In the entries below, find the line with "#68=IFCINDEXEDPOLYGONALFACE((3,4,8,7));" and the line with "#91=IFCINDEXEDPOLYGONALFACE((2,6,8,4));". Reproduce those two lines and every line between them exactly, and nothing more.

══ Dataset ══

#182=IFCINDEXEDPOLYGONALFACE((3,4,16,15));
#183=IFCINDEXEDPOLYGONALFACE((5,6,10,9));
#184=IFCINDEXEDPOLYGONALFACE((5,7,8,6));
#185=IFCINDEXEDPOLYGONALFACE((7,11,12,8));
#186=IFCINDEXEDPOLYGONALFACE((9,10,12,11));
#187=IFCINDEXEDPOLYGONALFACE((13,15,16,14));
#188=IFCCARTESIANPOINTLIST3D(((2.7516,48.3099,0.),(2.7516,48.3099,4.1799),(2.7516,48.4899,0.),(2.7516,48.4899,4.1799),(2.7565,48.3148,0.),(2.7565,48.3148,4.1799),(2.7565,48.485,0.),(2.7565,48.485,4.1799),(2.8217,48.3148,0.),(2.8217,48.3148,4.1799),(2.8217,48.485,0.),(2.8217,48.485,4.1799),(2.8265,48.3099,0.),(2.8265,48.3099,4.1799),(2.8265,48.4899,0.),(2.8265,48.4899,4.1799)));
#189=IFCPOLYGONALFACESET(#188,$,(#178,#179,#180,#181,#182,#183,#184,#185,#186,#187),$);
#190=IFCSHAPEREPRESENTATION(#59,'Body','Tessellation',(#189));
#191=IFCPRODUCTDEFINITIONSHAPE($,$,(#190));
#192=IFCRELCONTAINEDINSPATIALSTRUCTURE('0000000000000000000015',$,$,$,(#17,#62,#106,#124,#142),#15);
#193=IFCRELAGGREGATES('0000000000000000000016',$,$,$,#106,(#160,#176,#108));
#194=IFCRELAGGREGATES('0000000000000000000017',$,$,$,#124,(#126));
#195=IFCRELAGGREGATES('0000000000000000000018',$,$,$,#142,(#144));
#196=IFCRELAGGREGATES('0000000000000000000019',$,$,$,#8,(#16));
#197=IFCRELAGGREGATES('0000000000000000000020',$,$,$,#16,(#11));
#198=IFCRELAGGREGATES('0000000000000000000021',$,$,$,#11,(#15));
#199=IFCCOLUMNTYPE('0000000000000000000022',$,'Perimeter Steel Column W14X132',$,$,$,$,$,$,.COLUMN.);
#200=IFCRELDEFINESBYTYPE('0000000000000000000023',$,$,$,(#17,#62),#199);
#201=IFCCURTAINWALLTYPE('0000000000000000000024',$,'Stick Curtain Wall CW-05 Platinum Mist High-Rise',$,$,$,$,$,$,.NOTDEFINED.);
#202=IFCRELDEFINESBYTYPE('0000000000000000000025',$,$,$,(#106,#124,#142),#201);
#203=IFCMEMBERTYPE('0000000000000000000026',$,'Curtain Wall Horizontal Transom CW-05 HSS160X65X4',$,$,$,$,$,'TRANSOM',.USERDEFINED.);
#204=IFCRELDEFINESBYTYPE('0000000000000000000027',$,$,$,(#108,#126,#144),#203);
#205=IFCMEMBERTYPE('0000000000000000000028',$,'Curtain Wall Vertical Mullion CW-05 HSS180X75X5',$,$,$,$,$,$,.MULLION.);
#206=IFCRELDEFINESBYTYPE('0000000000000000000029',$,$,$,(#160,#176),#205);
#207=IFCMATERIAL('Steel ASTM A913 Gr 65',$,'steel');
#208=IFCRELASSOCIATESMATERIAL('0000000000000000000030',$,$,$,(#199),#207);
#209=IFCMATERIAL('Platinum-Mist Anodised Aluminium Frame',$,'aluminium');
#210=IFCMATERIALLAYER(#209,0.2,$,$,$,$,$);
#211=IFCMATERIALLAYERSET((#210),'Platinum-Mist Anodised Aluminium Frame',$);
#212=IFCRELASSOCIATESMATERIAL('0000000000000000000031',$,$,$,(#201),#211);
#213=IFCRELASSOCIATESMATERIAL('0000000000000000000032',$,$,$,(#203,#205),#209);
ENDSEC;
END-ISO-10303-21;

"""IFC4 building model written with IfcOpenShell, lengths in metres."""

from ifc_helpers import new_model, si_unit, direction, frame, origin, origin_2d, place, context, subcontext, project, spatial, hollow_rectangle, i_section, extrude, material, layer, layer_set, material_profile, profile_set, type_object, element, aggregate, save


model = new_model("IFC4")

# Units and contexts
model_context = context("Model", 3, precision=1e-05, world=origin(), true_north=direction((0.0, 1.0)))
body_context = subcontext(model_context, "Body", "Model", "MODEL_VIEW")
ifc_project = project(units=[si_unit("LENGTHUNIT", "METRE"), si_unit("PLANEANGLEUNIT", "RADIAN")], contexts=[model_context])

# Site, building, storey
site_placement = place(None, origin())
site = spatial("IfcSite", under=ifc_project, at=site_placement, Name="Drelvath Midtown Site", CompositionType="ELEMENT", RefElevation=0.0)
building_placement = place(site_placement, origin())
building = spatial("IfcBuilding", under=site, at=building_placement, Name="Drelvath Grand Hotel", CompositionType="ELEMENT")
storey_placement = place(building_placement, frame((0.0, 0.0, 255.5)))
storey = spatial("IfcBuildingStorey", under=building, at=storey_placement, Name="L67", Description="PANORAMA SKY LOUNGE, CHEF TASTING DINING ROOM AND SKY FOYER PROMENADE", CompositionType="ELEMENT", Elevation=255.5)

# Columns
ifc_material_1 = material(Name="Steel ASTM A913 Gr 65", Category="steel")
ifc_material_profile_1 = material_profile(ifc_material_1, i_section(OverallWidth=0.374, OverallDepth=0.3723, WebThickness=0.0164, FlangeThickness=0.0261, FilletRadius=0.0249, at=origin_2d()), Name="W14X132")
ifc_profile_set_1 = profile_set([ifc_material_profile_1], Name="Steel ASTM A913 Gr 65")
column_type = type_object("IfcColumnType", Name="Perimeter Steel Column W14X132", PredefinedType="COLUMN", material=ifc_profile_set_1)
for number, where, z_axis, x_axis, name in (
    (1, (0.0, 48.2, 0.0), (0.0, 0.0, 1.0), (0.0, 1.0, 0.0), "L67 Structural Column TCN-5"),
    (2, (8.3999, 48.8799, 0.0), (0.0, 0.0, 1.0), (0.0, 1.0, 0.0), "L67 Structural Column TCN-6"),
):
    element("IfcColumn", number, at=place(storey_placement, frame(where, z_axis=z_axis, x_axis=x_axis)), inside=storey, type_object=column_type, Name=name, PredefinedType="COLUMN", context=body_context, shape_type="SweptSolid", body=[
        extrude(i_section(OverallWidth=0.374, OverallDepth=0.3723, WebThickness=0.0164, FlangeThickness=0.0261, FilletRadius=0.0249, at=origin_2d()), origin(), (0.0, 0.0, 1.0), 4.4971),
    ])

═══
══ Dataset ══

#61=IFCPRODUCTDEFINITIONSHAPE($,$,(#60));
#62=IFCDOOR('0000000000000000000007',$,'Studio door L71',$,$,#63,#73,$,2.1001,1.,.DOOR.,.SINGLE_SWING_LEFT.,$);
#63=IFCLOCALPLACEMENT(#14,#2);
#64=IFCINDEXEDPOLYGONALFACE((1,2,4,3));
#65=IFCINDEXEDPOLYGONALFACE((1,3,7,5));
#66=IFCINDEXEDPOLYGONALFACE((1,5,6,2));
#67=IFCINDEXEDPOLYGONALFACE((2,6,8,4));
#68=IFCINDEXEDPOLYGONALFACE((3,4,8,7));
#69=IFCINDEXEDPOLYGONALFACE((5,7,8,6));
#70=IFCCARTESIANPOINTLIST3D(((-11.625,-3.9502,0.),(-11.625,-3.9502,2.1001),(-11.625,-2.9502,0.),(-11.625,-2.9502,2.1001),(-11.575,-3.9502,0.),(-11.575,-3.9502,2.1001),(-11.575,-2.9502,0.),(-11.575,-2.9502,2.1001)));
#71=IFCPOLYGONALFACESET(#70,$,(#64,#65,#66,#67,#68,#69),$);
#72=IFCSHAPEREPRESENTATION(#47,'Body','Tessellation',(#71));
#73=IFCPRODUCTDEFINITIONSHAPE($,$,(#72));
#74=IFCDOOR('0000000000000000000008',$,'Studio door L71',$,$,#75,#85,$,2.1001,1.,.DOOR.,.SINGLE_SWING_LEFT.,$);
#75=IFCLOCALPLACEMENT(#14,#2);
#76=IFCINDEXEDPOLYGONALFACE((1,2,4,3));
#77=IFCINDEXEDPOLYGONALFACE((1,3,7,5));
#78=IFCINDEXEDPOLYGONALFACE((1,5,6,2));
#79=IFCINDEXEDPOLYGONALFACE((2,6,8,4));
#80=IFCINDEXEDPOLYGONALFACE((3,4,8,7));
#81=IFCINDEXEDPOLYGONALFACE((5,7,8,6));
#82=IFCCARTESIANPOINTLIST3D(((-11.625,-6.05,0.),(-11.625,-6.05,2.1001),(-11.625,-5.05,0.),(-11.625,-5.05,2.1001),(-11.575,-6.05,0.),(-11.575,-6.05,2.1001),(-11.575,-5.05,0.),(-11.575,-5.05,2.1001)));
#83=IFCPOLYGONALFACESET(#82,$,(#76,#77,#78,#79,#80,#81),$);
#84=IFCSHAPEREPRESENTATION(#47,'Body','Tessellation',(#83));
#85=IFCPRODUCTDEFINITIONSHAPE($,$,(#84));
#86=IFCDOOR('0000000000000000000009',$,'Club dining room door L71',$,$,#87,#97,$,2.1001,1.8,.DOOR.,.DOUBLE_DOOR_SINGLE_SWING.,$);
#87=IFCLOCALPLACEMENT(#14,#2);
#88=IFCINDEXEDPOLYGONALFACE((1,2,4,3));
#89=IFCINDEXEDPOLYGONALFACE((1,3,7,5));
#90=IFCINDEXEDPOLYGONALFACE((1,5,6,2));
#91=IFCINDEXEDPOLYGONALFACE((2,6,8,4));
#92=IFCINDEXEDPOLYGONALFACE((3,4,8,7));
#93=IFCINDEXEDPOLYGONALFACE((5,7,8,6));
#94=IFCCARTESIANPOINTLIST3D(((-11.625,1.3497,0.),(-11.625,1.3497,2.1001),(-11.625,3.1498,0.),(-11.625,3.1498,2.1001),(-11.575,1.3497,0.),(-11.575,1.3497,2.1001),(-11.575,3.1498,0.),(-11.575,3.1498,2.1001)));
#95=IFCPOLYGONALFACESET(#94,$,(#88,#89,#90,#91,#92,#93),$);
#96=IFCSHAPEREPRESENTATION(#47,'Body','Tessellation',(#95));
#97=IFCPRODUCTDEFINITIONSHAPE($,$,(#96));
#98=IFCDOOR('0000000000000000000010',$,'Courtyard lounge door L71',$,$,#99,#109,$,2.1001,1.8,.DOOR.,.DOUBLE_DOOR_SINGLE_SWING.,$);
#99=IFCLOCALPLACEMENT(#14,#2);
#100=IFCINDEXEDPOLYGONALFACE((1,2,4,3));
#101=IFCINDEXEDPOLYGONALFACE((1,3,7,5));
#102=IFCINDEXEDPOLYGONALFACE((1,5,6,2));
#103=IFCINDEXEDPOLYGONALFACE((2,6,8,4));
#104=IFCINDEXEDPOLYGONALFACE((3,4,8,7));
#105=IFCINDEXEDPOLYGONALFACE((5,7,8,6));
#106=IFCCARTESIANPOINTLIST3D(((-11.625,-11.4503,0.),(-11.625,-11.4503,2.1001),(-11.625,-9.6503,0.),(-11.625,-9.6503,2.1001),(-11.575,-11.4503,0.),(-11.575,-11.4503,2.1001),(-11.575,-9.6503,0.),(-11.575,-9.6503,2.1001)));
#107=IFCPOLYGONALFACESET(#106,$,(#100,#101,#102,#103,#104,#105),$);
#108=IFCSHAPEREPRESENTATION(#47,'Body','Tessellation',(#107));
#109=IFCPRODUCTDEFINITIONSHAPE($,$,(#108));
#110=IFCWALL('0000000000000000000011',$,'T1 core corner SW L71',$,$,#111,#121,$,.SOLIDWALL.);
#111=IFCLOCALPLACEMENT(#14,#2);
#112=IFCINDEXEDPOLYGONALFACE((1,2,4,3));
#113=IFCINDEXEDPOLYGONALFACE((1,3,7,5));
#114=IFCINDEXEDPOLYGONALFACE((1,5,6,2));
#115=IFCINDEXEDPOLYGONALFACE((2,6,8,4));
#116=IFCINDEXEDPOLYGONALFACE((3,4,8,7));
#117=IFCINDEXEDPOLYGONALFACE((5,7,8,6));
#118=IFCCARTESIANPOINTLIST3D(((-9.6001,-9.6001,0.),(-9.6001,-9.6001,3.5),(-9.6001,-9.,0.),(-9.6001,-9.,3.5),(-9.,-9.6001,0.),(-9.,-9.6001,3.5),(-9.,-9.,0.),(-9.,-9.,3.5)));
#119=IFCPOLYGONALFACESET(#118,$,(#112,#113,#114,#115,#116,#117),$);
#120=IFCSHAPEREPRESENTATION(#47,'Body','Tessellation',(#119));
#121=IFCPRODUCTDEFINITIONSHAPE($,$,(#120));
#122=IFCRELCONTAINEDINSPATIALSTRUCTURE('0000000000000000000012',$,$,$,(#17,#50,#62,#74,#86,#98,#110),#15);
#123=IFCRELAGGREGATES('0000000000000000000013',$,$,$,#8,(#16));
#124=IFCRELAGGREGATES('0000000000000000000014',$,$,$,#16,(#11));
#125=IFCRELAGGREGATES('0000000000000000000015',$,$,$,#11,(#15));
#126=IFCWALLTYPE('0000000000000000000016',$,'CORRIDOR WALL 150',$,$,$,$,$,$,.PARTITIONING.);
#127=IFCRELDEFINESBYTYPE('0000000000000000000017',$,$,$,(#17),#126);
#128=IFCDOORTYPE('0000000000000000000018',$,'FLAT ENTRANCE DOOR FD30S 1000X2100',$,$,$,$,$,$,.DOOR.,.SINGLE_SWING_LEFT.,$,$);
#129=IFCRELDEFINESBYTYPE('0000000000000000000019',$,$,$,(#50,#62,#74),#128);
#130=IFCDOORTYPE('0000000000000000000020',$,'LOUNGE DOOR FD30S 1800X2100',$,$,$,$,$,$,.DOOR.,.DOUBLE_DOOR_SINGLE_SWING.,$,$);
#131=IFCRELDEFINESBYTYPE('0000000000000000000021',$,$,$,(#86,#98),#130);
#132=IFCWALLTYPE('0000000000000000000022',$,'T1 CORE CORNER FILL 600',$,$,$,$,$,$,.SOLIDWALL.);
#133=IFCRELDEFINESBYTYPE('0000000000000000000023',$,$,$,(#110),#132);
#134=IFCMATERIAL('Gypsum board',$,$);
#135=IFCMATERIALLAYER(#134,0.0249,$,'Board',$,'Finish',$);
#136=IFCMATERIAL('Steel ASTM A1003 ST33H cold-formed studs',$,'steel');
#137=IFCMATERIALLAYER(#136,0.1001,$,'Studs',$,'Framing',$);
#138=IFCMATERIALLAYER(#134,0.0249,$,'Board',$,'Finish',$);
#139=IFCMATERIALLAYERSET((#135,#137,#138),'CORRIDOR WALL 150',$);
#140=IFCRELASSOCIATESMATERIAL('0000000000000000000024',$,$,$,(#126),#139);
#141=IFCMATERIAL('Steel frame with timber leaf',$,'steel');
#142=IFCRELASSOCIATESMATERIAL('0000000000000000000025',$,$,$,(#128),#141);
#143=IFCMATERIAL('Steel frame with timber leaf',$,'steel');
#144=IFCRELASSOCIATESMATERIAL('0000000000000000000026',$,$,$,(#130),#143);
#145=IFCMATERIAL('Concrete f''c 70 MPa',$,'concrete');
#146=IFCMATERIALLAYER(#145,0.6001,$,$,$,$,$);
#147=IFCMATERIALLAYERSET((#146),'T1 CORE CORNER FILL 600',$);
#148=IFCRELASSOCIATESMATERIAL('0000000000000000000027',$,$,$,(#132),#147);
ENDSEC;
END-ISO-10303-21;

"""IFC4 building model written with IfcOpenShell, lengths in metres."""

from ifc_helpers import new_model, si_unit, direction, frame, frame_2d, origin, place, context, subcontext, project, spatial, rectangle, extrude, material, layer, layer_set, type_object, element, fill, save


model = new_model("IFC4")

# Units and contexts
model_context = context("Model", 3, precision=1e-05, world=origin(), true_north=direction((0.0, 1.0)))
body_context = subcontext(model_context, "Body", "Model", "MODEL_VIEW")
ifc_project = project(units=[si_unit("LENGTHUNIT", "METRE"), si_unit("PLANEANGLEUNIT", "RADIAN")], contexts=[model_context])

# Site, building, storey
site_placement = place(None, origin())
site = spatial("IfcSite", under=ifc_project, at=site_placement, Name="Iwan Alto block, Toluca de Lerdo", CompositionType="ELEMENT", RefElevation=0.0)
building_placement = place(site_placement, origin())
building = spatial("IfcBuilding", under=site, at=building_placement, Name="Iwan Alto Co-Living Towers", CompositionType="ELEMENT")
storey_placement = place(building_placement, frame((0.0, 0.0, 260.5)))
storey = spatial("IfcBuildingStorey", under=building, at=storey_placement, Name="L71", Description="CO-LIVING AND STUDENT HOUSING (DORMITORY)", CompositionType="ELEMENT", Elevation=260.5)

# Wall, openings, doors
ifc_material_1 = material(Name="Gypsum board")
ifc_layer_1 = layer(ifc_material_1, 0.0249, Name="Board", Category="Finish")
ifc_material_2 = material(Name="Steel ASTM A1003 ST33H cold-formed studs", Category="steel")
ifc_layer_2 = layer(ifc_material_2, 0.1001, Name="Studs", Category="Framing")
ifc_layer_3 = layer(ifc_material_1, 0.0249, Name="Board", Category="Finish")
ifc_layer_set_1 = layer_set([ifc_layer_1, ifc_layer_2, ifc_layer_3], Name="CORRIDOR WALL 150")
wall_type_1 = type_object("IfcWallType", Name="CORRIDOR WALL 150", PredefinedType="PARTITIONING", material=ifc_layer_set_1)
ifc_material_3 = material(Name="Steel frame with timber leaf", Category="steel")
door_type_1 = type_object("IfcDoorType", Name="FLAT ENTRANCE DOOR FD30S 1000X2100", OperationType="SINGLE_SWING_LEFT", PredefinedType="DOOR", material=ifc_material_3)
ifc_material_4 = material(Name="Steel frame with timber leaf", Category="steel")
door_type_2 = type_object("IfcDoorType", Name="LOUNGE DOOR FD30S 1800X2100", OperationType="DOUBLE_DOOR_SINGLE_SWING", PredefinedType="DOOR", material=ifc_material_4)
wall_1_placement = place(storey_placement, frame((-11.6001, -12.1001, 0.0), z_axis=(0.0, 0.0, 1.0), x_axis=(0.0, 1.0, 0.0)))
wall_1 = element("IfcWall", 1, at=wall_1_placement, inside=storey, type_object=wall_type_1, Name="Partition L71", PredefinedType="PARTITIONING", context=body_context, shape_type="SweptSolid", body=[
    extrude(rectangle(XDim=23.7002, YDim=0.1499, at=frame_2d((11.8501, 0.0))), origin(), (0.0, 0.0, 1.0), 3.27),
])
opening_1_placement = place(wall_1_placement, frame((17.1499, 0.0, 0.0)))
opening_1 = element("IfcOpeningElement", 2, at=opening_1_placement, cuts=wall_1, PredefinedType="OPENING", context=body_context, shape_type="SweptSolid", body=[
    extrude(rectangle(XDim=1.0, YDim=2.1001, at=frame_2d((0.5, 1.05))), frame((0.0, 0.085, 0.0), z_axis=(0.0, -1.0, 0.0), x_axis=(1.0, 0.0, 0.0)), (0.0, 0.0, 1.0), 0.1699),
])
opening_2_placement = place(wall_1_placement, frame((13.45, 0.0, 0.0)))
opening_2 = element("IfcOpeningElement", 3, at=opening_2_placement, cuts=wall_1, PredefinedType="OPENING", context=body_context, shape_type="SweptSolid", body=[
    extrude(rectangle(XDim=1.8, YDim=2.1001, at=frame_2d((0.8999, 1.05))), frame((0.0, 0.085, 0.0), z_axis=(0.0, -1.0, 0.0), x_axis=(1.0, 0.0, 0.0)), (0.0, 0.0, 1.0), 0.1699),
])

═══

Your solution:
#68=IFCINDEXEDPOLYGONALFACE((3,4,8,7));
#69=IFCINDEXEDPOLYGONALFACE((5,7,8,6));
#70=IFCCARTESIANPOINTLIST3D(((-11.625,-3.9502,0.),(-11.625,-3.9502,2.1001),(-11.625,-2.9502,0.),(-11.625,-2.9502,2.1001),(-11.575,-3.9502,0.),(-11.575,-3.9502,2.1001),(-11.575,-2.9502,0.),(-11.575,-2.9502,2.1001)));
#71=IFCPOLYGONALFACESET(#70,$,(#64,#65,#66,#67,#68,#69),$);
#72=IFCSHAPEREPRESENTATION(#47,'Body','Tessellation',(#71));
#73=IFCPRODUCTDEFINITIONSHAPE($,$,(#72));
#74=IFCDOOR('0000000000000000000008',$,'Studio door L71',$,$,#75,#85,$,2.1001,1.,.DOOR.,.SINGLE_SWING_LEFT.,$);
#75=IFCLOCALPLACEMENT(#14,#2);
#76=IFCINDEXEDPOLYGONALFACE((1,2,4,3));
#77=IFCINDEXEDPOLYGONALFACE((1,3,7,5));
#78=IFCINDEXEDPOLYGONALFACE((1,5,6,2));
#79=IFCINDEXEDPOLYGONALFACE((2,6,8,4));
#80=IFCINDEXEDPOLYGONALFACE((3,4,8,7));
#81=IFCINDEXEDPOLYGONALFACE((5,7,8,6));
#82=IFCCARTESIANPOINTLIST3D(((-11.625,-6.05,0.),(-11.625,-6.05,2.1001),(-11.625,-5.05,0.),(-11.625,-5.05,2.1001),(-11.575,-6.05,0.),(-11.575,-6.05,2.1001),(-11.575,-5.05,0.),(-11.575,-5.05,2.1001)));
#83=IFCPOLYGONALFACESET(#82,$,(#76,#77,#78,#79,#80,#81),$);
#84=IFCSHAPEREPRESENTATION(#47,'Body','Tessellation',(#83));
#85=IFCPRODUCTDEFINITIONSHAPE($,$,(#84));
#86=IFCDOOR('0000000000000000000009',$,'Club dining room door L71',$,$,#87,#97,$,2.1001,1.8,.DOOR.,.DOUBLE_DOOR_SINGLE_SWING.,$);
#87=IFCLOCALPLACEMENT(#14,#2);
#88=IFCINDEXEDPOLYGONALFACE((1,2,4,3));
#89=IFCINDEXEDPOLYGONALFACE((1,3,7,5));
#90=IFCINDEXEDPOLYGONALFACE((1,5,6,2));
#91=IFCINDEXEDPOLYGONALFACE((2,6,8,4));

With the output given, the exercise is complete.